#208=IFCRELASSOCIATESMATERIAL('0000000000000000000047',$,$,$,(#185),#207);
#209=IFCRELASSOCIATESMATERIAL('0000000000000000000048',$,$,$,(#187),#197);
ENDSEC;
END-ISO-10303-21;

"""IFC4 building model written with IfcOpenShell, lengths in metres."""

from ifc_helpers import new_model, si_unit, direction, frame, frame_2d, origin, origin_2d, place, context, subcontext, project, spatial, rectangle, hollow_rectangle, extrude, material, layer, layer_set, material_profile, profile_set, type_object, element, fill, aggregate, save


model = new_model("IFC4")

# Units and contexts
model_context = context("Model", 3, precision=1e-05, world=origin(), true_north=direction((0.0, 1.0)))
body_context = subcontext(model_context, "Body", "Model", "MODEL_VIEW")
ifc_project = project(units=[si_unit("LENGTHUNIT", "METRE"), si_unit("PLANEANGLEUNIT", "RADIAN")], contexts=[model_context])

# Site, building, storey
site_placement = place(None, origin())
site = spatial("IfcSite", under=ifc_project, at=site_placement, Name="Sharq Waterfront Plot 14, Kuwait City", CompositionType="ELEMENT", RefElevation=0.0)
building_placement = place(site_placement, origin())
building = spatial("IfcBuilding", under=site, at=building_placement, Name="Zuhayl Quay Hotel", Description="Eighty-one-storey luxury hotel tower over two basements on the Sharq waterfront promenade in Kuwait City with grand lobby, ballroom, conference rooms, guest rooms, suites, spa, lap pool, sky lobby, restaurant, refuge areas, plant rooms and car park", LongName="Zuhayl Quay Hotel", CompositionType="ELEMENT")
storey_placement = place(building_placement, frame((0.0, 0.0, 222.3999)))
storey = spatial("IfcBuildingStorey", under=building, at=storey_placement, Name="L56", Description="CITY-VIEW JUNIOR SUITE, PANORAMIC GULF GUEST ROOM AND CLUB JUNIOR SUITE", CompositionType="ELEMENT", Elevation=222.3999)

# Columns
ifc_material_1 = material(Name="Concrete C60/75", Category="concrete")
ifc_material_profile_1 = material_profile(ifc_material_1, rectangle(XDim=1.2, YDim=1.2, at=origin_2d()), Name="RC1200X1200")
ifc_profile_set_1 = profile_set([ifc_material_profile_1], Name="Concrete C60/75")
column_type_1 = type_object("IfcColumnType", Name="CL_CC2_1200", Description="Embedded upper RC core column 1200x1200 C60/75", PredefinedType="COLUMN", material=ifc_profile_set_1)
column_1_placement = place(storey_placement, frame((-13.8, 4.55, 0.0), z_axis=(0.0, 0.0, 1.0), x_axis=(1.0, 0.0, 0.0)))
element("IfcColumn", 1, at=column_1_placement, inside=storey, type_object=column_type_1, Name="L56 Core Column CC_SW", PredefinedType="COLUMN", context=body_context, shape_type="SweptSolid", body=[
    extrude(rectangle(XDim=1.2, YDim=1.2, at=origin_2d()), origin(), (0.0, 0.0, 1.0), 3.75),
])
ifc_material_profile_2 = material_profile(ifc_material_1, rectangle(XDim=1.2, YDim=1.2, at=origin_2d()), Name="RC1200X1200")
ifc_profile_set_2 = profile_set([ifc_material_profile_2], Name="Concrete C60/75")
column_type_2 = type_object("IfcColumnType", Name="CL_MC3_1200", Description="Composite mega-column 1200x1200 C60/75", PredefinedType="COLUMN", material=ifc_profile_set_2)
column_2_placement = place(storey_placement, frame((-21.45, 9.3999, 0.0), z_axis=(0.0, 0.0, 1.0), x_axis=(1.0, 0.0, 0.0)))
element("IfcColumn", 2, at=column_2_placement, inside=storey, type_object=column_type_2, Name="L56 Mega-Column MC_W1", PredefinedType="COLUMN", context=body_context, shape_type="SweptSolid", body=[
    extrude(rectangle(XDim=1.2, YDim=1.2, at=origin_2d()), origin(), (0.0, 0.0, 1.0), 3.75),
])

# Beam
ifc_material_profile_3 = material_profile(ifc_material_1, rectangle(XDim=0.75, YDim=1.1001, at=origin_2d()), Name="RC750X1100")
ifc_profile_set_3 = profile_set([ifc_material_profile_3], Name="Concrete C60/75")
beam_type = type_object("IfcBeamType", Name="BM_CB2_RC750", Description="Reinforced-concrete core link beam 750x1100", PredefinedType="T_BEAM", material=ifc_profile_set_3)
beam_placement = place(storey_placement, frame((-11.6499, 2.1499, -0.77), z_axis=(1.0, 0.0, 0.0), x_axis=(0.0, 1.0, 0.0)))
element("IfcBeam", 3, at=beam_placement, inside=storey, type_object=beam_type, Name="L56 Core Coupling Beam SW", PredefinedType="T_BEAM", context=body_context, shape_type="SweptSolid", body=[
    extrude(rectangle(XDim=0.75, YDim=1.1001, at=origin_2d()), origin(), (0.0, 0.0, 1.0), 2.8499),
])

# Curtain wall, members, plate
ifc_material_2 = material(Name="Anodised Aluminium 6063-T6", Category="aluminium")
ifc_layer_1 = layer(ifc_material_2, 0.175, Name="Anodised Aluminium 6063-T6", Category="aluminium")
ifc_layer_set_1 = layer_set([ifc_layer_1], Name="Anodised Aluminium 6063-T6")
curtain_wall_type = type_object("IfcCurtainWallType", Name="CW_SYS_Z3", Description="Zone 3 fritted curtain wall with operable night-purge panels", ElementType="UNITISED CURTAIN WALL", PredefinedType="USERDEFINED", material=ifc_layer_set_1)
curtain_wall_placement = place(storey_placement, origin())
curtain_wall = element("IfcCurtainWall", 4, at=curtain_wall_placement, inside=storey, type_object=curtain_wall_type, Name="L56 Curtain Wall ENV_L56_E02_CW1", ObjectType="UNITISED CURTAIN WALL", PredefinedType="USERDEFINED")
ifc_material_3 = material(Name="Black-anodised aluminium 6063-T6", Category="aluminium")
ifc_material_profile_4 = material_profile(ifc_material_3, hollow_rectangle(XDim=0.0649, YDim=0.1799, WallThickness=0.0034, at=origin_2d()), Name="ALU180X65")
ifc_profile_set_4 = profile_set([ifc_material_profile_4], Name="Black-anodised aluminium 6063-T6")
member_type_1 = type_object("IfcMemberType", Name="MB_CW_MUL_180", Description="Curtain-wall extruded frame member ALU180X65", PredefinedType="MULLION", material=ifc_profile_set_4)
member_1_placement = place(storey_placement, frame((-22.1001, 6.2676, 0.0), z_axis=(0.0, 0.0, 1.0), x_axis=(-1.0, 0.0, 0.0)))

--------------------------------------------------

WHAT THE TASK ASKS:
Which lines in the records above hold the string "Kuwait"? Copy each of them.

ANSWER TO THIS EXERCISE:
site = spatial("IfcSite", under=ifc_project, at=site_placement, Name="Sharq Waterfront Plot 14, Kuwait City", CompositionType="ELEMENT", RefElevation=0.0)
building = spatial("IfcBuilding", under=site, at=building_placement, Name="Zuhayl Quay Hotel", Description="Eighty-one-storey luxury hotel tower over two basements on the Sharq waterfront promenade in Kuwait City with grand lobby, ballroom, conference rooms, guest rooms, suites, spa, lap pool, sky lobby, restaurant, refuge areas, plant rooms and car park", LongName="Zuhayl Quay Hotel", CompositionType="ELEMENT")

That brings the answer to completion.